[Collected data entries]
((
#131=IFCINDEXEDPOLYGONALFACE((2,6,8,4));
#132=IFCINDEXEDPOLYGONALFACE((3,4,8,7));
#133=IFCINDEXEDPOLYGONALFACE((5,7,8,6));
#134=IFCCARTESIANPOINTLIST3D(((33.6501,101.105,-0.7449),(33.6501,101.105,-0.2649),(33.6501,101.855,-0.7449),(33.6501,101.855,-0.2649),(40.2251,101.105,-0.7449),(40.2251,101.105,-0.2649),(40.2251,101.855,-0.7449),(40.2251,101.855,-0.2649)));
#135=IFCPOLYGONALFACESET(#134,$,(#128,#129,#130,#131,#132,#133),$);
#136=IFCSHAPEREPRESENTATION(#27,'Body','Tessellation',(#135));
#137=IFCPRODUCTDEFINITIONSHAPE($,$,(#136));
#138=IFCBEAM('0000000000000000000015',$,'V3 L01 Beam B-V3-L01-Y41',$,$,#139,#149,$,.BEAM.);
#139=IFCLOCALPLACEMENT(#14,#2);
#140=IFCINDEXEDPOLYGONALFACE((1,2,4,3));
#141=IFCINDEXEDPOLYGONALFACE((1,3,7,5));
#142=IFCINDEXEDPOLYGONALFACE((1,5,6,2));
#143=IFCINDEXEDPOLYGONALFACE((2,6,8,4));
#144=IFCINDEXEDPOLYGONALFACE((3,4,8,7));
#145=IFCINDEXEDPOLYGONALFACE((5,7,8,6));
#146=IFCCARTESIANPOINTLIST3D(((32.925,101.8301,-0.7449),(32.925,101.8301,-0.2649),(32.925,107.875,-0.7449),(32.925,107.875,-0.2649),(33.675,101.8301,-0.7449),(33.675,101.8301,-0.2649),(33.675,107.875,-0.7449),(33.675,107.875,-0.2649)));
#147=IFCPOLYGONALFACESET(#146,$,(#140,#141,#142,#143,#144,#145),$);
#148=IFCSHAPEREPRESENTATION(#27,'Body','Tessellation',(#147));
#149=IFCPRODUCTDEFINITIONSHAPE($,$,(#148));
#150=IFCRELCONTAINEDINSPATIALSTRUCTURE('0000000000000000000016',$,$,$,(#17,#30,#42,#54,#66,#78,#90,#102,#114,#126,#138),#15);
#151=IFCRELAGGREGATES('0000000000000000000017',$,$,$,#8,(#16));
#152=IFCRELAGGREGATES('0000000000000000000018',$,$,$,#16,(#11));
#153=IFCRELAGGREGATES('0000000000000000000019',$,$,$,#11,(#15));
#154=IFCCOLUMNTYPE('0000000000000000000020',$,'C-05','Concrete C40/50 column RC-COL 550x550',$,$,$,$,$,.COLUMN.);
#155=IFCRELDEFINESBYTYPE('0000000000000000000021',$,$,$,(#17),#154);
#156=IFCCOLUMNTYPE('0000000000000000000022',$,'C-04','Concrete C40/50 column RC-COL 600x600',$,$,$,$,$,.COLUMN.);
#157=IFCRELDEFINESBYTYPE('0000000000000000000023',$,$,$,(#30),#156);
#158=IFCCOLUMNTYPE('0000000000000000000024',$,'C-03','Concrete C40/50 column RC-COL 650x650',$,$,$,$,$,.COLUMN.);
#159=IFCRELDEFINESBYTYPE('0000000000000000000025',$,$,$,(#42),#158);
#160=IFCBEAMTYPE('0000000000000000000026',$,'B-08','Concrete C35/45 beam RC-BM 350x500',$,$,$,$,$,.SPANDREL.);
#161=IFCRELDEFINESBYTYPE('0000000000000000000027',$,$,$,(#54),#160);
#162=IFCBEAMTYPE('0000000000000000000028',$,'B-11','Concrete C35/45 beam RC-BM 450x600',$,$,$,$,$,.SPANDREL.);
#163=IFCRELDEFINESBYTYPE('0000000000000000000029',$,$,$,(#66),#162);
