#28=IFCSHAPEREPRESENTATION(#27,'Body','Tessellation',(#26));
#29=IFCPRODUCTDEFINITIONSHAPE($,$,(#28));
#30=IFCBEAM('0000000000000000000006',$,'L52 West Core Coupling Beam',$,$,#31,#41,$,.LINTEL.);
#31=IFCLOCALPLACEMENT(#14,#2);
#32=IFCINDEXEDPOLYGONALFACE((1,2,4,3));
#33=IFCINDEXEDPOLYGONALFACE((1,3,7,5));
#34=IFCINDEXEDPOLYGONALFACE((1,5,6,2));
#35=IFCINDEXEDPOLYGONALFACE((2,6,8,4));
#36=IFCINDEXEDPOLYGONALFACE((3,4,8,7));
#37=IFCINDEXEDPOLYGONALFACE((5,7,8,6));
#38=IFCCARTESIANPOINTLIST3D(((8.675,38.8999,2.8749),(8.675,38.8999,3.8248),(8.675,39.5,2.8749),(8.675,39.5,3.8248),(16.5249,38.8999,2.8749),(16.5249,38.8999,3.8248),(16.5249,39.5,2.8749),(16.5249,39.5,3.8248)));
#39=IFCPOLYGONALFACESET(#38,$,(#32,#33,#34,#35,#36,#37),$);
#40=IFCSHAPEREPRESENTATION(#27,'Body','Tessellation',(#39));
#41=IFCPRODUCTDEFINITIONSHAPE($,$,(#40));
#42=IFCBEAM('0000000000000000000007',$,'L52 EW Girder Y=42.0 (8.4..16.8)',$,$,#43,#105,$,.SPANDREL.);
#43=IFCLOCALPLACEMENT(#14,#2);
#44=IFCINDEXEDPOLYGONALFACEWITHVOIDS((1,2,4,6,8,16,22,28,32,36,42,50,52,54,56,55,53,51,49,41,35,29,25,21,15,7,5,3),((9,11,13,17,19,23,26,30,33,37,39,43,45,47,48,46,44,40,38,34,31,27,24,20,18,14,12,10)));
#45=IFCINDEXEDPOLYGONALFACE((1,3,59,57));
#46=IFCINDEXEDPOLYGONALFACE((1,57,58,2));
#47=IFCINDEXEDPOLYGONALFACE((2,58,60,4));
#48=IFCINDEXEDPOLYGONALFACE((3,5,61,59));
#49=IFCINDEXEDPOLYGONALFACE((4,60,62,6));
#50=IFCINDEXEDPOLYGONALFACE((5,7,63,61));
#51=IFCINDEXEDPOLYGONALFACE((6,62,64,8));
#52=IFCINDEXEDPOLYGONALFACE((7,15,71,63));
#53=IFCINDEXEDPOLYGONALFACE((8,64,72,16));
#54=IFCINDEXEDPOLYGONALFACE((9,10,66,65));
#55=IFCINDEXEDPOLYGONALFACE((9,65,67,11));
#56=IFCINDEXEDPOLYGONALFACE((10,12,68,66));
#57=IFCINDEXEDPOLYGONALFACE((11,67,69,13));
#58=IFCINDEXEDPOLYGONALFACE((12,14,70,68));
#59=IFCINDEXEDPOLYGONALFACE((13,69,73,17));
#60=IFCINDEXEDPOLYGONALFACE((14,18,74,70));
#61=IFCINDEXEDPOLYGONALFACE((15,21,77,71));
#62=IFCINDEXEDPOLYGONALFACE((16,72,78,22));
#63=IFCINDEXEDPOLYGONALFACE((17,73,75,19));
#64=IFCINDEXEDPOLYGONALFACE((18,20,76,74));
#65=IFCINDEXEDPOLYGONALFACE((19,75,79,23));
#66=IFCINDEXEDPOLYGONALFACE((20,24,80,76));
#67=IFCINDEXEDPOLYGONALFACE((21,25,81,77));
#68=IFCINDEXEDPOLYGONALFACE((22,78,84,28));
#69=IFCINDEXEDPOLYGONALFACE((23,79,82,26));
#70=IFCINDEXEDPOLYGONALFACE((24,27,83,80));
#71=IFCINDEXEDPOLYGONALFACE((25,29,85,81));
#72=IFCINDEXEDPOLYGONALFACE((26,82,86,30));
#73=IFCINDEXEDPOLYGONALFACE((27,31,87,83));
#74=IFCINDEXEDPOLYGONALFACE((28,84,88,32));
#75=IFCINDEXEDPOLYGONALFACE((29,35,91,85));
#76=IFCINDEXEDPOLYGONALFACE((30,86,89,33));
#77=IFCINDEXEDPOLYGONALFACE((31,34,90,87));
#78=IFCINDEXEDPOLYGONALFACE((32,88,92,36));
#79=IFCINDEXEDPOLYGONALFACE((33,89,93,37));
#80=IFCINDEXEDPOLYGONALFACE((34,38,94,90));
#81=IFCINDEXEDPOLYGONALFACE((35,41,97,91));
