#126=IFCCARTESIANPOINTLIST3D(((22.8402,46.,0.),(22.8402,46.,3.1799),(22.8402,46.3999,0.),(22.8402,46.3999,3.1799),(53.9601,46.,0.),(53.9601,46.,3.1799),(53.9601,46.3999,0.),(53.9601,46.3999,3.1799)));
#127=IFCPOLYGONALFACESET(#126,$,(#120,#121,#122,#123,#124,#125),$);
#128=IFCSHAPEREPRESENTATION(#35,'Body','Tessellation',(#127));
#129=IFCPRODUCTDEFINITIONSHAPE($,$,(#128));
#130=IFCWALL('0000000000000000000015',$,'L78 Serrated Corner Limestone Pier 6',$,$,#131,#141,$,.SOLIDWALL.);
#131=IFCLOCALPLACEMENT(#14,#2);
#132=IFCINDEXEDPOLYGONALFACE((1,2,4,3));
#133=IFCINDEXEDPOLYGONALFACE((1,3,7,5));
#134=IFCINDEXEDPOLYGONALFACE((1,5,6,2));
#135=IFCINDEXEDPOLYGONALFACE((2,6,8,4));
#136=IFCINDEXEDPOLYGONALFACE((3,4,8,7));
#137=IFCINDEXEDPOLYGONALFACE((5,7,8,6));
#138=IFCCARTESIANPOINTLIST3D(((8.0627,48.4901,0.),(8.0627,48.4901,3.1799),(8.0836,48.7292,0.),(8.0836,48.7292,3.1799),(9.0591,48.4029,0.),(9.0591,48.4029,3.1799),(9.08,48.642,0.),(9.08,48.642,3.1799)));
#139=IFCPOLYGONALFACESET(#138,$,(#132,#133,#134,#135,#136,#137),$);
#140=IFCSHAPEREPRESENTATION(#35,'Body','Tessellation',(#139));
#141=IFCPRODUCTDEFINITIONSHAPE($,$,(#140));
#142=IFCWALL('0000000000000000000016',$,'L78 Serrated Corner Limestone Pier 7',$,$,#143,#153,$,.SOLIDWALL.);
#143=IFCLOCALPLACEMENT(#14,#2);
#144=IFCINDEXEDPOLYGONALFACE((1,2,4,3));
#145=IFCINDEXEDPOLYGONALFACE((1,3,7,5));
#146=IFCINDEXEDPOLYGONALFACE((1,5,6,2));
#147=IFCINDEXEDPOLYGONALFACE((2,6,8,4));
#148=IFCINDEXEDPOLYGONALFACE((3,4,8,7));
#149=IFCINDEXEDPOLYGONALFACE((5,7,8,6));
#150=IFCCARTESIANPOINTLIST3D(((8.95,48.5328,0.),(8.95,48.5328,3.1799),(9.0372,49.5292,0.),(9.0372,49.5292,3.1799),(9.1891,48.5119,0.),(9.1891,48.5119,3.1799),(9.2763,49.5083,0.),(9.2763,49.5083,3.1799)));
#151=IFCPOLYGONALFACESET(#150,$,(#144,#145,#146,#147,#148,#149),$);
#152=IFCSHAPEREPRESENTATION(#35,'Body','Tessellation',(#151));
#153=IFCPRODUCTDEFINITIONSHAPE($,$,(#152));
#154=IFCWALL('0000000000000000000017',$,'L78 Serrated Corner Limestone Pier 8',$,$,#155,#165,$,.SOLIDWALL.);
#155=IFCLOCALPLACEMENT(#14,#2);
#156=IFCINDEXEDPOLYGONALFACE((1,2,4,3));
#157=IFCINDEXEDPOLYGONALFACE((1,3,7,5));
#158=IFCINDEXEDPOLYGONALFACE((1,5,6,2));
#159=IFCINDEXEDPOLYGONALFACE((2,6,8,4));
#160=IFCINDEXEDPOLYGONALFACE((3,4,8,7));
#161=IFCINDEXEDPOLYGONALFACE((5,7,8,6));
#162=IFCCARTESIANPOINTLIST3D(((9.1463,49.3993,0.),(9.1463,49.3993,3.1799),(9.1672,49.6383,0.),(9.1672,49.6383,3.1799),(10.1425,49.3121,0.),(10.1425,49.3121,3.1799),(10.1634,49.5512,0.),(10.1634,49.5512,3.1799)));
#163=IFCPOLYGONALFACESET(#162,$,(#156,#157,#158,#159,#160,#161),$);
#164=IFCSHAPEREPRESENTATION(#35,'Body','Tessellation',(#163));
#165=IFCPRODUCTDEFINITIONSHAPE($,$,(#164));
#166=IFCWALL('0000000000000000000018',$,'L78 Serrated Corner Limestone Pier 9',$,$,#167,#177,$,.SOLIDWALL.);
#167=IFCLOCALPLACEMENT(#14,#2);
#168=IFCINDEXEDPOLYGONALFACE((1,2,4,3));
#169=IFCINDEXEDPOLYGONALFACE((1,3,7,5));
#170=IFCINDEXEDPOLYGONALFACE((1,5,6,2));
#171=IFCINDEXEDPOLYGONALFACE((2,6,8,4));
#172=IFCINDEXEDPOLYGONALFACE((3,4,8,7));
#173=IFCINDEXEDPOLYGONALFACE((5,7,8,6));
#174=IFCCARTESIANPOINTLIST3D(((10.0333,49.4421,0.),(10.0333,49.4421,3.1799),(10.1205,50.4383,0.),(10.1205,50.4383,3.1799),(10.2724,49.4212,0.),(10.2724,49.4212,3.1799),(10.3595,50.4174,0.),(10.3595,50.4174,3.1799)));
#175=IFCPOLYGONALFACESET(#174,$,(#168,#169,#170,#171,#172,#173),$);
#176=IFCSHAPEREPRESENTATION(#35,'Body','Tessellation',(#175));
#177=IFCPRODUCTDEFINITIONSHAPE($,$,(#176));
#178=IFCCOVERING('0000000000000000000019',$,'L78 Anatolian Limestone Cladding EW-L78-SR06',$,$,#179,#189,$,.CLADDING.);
))
▶ [What you will do]
Your task is to repeat the records exactly. Begin at their first line and stop after the line containing "#152=IFCRELAGGREGATES('0000000000000000000018',$,$,$,#16,(#11));".

▶ [Completed exercise]
#131=IFCINDEXEDPOLYGONALFACE((2,6,8,4));
#132=IFCINDEXEDPOLYGONALFACE((3,4,8,7));
#133=IFCINDEXEDPOLYGONALFACE((5,7,8,6));
#134=IFCCARTESIANPOINTLIST3D(((33.6501,101.105,-0.7449),(33.6501,101.105,-0.2649),(33.6501,101.855,-0.7449),(33.6501,101.855,-0.2649),(40.2251,101.105,-0.7449),(40.2251,101.105,-0.2649),(40.2251,101.855,-0.7449),(40.2251,101.855,-0.2649)));
#135=IFCPOLYGONALFACESET(#134,$,(#128,#129,#130,#131,#132,#133),$);
#136=IFCSHAPEREPRESENTATION(#27,'Body','Tessellation',(#135));
#137=IFCPRODUCTDEFINITIONSHAPE($,$,(#136));
#138=IFCBEAM('0000000000000000000015',$,'V3 L01 Beam B-V3-L01-Y41',$,$,#139,#149,$,.BEAM.);
#139=IFCLOCALPLACEMENT(#14,#2);
#140=IFCINDEXEDPOLYGONALFACE((1,2,4,3));
#141=IFCINDEXEDPOLYGONALFACE((1,3,7,5));
#142=IFCINDEXEDPOLYGONALFACE((1,5,6,2));
#143=IFCINDEXEDPOLYGONALFACE((2,6,8,4));
#144=IFCINDEXEDPOLYGONALFACE((3,4,8,7));
#145=IFCINDEXEDPOLYGONALFACE((5,7,8,6));
#146=IFCCARTESIANPOINTLIST3D(((32.925,101.8301,-0.7449),(32.925,101.8301,-0.2649),(32.925,107.875,-0.7449),(32.925,107.875,-0.2649),(33.675,101.8301,-0.7449),(33.675,101.8301,-0.2649),(33.675,107.875,-0.7449),(33.675,107.875,-0.2649)));
#147=IFCPOLYGONALFACESET(#146,$,(#140,#141,#142,#143,#144,#145),$);
#148=IFCSHAPEREPRESENTATION(#27,'Body','Tessellation',(#147));
#149=IFCPRODUCTDEFINITIONSHAPE($,$,(#148));
#150=IFCRELCONTAINEDINSPATIALSTRUCTURE('0000000000000000000016',$,$,$,(#17,#30,#42,#54,#66,#78,#90,#102,#114,#126,#138),#15);
#151=IFCRELAGGREGATES('0000000000000000000017',$,$,$,#8,(#16));
#152=IFCRELAGGREGATES('0000000000000000000018',$,$,$,#16,(#11));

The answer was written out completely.